Every record must appear in the response exactly as given.

▶ [Material for the task]:
——————
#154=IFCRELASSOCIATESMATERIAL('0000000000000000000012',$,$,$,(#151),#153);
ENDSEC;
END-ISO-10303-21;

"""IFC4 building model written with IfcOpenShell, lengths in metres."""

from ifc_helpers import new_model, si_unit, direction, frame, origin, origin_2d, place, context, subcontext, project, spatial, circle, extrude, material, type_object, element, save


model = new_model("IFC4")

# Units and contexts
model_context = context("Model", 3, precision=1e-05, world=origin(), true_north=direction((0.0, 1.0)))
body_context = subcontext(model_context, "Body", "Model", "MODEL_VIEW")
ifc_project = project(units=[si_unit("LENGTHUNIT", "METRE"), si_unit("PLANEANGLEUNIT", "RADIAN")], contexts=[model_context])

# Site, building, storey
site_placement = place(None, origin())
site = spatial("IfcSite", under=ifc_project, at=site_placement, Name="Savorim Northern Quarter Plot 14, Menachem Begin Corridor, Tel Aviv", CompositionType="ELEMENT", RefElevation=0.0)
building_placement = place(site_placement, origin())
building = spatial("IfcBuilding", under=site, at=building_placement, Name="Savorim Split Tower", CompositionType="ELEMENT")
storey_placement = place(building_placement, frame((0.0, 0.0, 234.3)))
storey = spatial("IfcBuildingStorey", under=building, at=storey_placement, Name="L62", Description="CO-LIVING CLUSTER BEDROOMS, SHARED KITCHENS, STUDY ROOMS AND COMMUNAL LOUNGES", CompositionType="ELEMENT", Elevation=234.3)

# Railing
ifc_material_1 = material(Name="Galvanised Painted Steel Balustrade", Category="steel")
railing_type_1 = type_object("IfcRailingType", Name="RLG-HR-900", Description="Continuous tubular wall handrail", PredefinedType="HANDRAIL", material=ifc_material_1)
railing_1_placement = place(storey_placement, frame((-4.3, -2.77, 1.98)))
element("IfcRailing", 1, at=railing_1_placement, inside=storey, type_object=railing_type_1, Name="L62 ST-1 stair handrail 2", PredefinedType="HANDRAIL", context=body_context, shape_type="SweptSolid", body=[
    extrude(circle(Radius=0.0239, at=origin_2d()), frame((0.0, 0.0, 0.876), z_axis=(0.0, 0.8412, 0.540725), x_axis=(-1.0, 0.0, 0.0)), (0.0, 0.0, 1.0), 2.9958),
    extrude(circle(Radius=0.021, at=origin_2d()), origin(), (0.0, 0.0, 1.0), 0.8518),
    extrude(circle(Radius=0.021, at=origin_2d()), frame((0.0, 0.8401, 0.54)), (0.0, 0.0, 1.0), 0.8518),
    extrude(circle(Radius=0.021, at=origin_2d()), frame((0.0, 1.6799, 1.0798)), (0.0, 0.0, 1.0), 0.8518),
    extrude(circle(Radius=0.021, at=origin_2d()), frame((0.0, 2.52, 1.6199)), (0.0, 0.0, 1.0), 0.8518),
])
——————
▶ [Reply to the task]:
#154=IFCRELASSOCIATESMATERIAL('0000000000000000000012',$,$,$,(#151),#153);
ENDSEC;
END-ISO-10303-21;

"""IFC4 building model written with IfcOpenShell, lengths in metres."""

from ifc_helpers import new_model, si_unit, direction, frame, origin, origin_2d, place, context, subcontext, project, spatial, circle, extrude, material, type_object, element, save


model = new_model("IFC4")

# Units and contexts
model_context = context("Model", 3, precision=1e-05, world=origin(), true_north=direction((0.0, 1.0)))
body_context = subcontext(model_context, "Body", "Model", "MODEL_VIEW")
ifc_project = project(units=[si_unit("LENGTHUNIT", "METRE"), si_unit("PLANEANGLEUNIT", "RADIAN")], contexts=[model_context])

# Site, building, storey
site_placement = place(None, origin())
site = spatial("IfcSite", under=ifc_project, at=site_placement, Name="Savorim Northern Quarter Plot 14, Menachem Begin Corridor, Tel Aviv", CompositionType="ELEMENT", RefElevation=0.0)
building_placement = place(site_placement, origin())
building = spatial("IfcBuilding", under=site, at=building_placement, Name="Savorim Split Tower", CompositionType="ELEMENT")
storey_placement = place(building_placement, frame((0.0, 0.0, 234.3)))
storey = spatial("IfcBuildingStorey", under=building, at=storey_placement, Name="L62", Description="CO-LIVING CLUSTER BEDROOMS, SHARED KITCHENS, STUDY ROOMS AND COMMUNAL LOUNGES", CompositionType="ELEMENT", Elevation=234.3)

# Railing
ifc_material_1 = material(Name="Galvanised Painted Steel Balustrade", Category="steel")
railing_type_1 = type_object("IfcRailingType", Name="RLG-HR-900", Description="Continuous tubular wall handrail", PredefinedType="HANDRAIL", material=ifc_material_1)
railing_1_placement = place(storey_placement, frame((-4.3, -2.77, 1.98)))
element("IfcRailing", 1, at=railing_1_placement, inside=storey, type_object=railing_type_1, Name="L62 ST-1 stair handrail 2", PredefinedType="HANDRAIL", context=body_context, shape_type="SweptSolid", body=[
    extrude(circle(Radius=0.0239, at=origin_2d()), frame((0.0, 0.0, 0.876), z_axis=(0.0, 0.8412, 0.540725), x_axis=(-1.0, 0.0, 0.0)), (0.0, 0.0, 1.0), 2.9958),
    extrude(circle(Radius=0.021, at=origin_2d()), origin(), (0.0, 0.0, 1.0), 0.8518),
    extrude(circle(Radius=0.021, at=origin_2d()), frame((0.0, 0.8401, 0.54)), (0.0, 0.0, 1.0), 0.8518),
    extrude(circle(Radius=0.021, at=origin_2d()), frame((0.0, 1.6799, 1.0798)), (0.0, 0.0, 1.0), 0.8518),
    extrude(circle(Radius=0.021, at=origin_2d()), frame((0.0, 2.52, 1.6199)), (0.0, 0.0, 1.0), 0.8518),
])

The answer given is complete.